■ Problem
Return, from the data that follows, each line that holds the word "Steel".

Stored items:
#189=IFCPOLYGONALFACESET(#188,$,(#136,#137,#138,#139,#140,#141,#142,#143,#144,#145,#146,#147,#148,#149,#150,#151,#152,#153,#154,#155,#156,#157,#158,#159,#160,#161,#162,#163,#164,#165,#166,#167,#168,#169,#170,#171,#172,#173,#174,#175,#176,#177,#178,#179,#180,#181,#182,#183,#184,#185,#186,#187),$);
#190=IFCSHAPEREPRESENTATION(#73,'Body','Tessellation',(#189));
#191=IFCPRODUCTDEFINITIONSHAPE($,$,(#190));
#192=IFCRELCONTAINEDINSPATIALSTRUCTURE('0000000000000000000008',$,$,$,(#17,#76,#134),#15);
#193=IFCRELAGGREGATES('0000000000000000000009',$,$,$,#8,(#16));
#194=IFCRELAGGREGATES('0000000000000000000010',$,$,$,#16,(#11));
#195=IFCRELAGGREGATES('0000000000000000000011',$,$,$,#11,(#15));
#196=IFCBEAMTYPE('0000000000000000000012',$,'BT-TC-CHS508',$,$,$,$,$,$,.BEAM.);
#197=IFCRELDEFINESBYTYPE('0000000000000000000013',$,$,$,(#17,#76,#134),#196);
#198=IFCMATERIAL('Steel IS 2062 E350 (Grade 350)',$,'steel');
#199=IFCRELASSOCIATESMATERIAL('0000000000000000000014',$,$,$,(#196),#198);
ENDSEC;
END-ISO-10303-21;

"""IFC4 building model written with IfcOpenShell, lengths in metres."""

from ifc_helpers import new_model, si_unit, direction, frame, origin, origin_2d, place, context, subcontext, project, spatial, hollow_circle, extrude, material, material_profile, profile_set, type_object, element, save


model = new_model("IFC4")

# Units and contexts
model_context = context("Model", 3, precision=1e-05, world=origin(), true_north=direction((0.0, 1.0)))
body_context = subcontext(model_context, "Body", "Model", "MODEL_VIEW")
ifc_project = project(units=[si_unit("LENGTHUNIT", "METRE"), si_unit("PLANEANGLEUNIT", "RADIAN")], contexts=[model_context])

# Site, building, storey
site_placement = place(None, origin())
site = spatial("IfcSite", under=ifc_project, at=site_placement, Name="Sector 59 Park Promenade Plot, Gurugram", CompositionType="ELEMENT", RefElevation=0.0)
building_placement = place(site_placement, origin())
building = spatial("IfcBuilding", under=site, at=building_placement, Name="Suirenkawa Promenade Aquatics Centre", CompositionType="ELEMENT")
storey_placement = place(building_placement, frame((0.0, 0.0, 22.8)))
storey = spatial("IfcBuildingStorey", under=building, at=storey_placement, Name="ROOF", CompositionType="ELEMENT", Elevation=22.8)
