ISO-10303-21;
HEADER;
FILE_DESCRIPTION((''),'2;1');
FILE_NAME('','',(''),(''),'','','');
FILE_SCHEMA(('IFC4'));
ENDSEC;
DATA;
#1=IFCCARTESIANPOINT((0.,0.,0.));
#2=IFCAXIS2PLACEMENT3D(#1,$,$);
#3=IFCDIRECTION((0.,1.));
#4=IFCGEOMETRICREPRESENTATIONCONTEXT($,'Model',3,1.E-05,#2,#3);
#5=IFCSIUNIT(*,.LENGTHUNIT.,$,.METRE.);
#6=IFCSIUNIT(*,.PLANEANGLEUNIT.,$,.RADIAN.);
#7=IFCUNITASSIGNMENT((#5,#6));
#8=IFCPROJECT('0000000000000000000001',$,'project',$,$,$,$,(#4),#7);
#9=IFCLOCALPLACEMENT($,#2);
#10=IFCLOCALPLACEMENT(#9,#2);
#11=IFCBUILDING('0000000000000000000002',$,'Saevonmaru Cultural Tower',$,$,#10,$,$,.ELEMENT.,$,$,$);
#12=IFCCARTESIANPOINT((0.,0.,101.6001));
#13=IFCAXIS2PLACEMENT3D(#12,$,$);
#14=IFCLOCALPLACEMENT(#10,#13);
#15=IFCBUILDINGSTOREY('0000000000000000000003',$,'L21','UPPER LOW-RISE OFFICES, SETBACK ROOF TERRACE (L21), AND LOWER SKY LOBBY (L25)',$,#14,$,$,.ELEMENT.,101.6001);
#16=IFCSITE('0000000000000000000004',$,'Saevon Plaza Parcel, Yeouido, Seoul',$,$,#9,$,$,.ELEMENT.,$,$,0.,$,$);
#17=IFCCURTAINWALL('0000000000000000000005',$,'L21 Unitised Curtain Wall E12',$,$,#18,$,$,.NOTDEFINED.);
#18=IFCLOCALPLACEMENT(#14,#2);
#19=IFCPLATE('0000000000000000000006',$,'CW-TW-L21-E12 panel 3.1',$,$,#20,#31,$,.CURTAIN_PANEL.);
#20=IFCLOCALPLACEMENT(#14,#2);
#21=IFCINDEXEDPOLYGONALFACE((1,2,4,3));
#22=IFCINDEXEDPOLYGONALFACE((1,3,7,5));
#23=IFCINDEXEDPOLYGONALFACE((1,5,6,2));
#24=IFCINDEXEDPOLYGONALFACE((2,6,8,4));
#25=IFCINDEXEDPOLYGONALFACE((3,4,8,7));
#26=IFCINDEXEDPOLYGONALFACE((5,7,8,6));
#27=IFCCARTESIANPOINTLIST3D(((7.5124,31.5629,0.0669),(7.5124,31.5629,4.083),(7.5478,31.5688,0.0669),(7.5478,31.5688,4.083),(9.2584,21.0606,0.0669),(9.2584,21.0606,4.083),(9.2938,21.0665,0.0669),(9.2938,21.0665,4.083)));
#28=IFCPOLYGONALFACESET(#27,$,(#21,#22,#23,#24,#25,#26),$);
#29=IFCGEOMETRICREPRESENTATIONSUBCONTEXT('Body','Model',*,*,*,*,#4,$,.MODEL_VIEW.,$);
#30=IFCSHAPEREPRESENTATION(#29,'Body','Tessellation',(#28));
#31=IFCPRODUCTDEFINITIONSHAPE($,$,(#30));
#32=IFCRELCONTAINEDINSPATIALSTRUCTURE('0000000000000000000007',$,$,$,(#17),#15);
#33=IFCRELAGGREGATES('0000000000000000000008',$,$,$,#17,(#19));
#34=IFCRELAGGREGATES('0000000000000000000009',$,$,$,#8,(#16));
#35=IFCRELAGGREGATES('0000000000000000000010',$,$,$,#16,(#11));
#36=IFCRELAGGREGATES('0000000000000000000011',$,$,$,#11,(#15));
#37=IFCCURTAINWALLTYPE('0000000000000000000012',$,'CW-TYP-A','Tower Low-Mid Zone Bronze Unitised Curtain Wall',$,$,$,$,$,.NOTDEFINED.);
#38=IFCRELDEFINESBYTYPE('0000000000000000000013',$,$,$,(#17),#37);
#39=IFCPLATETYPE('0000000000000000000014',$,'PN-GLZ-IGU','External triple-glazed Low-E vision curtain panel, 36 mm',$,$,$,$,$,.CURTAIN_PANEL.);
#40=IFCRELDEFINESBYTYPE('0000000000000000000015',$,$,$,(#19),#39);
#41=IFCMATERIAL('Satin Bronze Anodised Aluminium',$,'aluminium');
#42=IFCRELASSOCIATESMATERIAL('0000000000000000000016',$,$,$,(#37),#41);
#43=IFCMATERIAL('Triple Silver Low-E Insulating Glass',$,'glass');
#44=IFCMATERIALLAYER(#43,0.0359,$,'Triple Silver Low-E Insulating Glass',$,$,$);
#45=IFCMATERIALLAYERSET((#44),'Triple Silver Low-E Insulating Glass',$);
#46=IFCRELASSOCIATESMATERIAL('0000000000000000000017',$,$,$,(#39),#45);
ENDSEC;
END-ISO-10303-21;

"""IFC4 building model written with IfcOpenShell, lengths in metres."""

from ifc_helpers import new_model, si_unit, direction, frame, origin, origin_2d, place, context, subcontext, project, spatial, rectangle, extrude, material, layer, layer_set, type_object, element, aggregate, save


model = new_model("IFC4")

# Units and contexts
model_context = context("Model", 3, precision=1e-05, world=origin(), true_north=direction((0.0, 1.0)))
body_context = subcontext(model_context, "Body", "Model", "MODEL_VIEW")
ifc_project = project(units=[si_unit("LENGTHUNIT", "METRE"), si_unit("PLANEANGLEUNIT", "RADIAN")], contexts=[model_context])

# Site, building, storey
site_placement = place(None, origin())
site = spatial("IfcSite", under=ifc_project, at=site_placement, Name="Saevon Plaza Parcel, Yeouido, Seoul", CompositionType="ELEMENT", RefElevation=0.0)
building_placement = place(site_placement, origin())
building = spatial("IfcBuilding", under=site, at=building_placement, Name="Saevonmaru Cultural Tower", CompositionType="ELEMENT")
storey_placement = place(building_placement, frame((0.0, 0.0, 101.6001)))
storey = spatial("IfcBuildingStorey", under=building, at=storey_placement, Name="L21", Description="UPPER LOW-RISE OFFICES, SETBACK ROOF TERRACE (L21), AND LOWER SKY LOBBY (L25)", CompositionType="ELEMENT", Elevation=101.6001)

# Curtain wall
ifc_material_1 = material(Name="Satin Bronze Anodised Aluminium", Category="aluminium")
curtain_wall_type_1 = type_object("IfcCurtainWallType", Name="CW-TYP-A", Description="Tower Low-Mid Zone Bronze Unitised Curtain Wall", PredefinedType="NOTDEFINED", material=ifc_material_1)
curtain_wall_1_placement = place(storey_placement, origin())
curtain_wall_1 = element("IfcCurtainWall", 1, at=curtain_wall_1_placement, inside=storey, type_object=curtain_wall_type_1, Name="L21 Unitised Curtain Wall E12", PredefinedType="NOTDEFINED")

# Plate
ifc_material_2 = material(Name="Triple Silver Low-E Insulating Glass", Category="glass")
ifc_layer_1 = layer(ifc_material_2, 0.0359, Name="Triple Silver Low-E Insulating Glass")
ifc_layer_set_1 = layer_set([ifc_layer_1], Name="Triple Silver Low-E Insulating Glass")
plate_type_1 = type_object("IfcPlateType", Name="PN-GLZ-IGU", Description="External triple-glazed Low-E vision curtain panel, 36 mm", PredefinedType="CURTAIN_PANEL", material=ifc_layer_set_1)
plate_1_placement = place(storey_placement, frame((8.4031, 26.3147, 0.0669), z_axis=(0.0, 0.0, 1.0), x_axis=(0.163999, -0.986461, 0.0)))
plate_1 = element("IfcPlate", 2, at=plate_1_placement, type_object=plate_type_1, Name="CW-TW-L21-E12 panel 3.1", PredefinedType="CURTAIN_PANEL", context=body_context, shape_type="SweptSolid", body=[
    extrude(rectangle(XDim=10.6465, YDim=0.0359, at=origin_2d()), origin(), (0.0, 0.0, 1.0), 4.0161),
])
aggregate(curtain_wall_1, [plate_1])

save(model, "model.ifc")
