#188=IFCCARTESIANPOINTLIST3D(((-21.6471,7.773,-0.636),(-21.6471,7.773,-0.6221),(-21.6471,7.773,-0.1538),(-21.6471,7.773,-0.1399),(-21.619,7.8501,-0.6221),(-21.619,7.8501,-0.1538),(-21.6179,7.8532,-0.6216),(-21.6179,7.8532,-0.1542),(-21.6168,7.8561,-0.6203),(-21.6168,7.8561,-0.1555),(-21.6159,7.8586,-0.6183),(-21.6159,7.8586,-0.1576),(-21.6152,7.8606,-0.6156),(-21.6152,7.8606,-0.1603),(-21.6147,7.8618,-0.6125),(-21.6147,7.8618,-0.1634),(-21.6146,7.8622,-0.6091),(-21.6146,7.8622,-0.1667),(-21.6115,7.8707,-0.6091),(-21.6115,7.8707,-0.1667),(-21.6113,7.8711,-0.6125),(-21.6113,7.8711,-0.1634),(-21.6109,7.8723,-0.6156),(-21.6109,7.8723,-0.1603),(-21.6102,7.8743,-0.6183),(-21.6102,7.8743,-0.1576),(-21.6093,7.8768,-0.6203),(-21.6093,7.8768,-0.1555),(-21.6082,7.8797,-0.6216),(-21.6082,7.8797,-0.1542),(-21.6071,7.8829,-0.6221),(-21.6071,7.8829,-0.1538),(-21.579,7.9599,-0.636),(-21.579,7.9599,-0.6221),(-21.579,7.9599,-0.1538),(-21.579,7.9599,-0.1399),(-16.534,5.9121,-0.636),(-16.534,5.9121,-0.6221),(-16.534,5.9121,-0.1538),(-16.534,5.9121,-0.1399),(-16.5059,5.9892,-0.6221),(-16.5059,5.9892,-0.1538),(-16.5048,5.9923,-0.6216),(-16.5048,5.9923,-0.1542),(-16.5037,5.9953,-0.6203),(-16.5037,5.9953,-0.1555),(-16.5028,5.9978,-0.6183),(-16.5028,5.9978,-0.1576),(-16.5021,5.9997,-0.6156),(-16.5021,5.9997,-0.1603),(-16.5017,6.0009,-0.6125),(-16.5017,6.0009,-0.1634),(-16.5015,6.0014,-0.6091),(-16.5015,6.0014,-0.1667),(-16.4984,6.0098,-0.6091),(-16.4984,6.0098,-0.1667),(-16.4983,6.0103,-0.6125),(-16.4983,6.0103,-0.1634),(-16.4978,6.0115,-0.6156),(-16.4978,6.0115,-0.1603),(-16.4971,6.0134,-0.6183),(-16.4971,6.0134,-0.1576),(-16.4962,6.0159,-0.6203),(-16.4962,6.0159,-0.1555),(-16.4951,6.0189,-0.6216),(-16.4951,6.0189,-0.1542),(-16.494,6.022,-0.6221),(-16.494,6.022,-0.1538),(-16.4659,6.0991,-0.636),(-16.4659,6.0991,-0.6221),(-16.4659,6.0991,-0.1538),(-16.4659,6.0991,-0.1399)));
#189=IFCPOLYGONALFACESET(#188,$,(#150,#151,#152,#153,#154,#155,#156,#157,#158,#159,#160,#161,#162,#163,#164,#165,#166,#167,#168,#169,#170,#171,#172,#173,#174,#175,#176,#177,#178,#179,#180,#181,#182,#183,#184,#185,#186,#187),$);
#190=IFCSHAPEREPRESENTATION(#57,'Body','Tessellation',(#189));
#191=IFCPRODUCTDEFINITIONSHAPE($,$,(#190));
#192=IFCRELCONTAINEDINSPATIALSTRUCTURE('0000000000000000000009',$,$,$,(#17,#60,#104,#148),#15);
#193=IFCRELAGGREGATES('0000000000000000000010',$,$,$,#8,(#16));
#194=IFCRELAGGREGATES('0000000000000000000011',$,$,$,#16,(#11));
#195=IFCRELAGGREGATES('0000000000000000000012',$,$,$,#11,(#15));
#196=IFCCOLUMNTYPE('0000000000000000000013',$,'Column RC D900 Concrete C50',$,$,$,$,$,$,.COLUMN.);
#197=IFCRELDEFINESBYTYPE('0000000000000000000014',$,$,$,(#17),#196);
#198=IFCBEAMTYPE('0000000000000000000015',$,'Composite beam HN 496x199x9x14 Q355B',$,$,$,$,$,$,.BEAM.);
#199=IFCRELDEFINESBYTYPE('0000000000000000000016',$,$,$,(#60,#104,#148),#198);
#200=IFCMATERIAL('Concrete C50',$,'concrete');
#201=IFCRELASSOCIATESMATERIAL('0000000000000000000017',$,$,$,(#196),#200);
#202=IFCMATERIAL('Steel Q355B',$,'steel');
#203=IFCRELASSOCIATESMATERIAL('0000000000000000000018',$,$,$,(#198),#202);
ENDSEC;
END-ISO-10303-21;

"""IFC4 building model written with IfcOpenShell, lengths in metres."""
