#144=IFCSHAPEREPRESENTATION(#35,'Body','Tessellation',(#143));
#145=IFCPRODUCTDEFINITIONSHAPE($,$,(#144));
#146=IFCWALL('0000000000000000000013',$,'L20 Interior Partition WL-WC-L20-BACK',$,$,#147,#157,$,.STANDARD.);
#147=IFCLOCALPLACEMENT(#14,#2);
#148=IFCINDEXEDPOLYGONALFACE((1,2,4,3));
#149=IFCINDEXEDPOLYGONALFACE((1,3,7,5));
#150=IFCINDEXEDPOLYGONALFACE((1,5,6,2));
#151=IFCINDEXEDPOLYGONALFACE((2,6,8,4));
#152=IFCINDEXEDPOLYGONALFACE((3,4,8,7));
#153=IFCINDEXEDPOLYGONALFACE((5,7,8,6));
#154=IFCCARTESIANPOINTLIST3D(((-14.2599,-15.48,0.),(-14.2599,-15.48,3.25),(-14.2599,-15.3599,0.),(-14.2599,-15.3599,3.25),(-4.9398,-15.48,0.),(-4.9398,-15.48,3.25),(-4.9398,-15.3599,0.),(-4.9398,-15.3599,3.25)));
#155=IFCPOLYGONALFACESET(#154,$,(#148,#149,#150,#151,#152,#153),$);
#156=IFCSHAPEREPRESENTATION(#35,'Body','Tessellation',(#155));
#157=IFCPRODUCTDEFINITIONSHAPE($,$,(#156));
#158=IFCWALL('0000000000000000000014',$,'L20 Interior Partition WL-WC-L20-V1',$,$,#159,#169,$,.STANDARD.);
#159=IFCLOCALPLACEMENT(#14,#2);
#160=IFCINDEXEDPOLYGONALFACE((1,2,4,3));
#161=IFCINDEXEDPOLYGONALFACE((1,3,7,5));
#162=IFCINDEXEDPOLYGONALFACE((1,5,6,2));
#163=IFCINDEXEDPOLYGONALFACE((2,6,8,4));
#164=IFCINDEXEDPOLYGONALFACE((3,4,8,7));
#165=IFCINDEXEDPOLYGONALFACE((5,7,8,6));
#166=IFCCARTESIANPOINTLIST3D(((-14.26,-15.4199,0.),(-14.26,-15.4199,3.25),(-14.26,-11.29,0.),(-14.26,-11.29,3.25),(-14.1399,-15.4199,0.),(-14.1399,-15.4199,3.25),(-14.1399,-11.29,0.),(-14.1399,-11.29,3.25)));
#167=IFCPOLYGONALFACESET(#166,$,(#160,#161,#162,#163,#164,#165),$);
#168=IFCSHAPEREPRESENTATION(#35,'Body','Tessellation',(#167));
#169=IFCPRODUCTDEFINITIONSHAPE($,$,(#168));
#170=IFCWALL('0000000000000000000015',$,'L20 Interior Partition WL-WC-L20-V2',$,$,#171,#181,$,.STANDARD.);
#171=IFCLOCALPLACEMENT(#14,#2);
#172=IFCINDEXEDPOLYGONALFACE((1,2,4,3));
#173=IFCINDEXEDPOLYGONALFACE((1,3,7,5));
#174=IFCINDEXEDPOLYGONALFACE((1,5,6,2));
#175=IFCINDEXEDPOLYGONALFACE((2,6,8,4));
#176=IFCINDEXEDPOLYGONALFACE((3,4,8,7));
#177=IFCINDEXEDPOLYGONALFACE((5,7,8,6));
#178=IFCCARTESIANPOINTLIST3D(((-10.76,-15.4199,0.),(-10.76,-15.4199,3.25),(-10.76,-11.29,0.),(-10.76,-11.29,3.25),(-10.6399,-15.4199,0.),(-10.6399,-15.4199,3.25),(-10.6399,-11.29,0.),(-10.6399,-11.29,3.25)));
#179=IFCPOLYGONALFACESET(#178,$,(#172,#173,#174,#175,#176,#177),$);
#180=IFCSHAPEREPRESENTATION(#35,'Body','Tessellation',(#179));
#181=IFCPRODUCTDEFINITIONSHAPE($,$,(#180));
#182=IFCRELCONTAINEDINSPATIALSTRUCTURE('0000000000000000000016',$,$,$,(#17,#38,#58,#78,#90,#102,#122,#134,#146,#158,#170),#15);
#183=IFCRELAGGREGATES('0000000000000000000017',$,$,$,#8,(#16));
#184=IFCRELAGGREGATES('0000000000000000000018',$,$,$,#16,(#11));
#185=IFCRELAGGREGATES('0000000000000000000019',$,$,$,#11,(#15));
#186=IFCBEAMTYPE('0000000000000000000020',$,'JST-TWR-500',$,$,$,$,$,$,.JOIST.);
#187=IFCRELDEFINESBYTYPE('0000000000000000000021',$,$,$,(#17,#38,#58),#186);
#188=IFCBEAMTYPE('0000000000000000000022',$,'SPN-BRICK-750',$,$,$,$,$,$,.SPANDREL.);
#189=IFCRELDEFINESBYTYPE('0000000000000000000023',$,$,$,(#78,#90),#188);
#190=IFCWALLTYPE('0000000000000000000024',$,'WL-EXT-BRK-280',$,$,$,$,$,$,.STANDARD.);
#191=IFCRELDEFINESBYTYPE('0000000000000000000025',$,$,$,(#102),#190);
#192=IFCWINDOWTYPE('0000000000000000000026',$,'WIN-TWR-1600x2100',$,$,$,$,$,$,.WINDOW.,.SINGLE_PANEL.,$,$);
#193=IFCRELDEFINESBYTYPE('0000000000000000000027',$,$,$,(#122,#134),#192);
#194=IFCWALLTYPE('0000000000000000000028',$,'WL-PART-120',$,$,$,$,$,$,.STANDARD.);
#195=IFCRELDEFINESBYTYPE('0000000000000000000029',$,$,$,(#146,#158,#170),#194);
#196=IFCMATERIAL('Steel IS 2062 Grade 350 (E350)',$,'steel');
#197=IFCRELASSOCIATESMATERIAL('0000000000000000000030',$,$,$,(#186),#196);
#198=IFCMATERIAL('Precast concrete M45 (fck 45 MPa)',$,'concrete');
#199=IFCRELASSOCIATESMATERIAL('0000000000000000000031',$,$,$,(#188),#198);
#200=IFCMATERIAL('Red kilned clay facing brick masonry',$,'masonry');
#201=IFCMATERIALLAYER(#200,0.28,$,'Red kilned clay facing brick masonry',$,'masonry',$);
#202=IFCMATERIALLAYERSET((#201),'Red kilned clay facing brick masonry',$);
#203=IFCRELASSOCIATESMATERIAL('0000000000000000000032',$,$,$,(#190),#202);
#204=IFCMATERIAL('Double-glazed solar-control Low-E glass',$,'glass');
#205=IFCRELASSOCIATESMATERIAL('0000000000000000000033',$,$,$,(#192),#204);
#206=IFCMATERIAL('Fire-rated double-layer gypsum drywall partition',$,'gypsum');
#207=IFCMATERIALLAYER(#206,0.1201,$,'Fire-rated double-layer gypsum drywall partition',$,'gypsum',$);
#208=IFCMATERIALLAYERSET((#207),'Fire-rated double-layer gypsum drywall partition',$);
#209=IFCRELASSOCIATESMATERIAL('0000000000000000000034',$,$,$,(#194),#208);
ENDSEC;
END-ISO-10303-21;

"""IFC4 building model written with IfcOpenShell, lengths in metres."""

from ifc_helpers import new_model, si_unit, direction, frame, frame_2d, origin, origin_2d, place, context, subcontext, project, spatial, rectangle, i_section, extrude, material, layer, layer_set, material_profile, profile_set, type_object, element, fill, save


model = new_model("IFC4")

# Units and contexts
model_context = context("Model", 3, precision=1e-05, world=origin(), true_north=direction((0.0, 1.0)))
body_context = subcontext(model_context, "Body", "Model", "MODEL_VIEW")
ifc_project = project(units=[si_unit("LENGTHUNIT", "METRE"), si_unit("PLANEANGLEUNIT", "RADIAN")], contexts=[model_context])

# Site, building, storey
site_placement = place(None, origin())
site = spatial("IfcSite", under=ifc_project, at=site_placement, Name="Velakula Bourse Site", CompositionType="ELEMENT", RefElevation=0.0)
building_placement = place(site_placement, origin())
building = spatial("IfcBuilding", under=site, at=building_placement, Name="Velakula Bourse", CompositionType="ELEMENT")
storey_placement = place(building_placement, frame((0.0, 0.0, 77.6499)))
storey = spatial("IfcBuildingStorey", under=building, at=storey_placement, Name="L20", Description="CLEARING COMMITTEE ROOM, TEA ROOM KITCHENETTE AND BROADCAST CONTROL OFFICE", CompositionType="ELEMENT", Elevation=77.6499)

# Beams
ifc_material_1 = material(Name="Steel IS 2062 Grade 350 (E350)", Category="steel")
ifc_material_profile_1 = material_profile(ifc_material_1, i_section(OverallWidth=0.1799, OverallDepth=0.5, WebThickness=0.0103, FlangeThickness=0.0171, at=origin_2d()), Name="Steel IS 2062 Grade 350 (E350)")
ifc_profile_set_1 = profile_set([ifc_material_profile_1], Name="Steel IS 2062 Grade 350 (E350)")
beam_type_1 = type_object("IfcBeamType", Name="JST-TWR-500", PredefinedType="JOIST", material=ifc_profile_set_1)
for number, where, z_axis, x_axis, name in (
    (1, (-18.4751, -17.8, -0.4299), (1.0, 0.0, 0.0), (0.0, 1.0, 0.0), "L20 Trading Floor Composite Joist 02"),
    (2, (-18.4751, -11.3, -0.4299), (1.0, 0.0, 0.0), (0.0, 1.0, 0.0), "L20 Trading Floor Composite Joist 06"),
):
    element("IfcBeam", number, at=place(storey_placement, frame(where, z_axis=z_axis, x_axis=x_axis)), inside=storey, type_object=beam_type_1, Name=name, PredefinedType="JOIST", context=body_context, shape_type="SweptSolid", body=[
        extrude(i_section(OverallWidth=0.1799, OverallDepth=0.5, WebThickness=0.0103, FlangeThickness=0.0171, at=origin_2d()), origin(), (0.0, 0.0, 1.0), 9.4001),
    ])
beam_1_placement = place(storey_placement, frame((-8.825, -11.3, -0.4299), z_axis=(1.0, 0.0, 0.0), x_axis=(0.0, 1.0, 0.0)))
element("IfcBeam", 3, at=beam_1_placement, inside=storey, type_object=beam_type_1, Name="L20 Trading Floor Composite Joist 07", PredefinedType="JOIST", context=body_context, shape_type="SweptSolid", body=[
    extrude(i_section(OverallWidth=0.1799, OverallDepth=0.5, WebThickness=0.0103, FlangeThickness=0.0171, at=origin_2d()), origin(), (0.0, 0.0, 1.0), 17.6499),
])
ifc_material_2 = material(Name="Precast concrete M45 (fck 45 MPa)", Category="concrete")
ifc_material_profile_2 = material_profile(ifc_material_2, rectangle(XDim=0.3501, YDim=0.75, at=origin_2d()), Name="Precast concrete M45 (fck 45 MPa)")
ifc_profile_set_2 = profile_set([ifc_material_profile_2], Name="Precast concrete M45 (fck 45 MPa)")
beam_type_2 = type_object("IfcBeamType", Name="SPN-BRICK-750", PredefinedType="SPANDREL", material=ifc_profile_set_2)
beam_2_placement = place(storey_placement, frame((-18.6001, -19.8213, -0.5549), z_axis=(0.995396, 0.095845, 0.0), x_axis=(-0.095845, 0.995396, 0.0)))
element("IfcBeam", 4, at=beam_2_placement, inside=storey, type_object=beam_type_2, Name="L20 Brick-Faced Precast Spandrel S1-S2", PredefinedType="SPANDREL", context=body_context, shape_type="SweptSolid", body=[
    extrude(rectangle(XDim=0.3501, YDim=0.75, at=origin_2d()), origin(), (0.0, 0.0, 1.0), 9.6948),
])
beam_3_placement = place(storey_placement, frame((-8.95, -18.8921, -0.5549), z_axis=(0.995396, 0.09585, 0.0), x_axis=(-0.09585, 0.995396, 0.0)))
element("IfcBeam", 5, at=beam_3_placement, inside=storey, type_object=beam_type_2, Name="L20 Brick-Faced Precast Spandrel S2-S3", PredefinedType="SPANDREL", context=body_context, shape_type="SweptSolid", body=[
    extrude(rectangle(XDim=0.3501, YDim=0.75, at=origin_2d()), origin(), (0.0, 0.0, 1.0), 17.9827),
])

■ Answer section
#198=IFCMATERIAL('Steel IS 2062 E350 (Grade 350)',$,'steel');
#202=IFCMATERIAL('Steel Q355B',$,'steel');
#196=IFCMATERIAL('Steel IS 2062 Grade 350 (E350)',$,'steel');
ifc_material_1 = material(Name="Steel IS 2062 Grade 350 (E350)", Category="steel")
ifc_material_profile_1 = material_profile(ifc_material_1, i_section(OverallWidth=0.1799, OverallDepth=0.5, WebThickness=0.0103, FlangeThickness=0.0171, at=origin_2d()), Name="Steel IS 2062 Grade 350 (E350)")
ifc_profile_set_1 = profile_set([ifc_material_profile_1], Name="Steel IS 2062 Grade 350 (E350)")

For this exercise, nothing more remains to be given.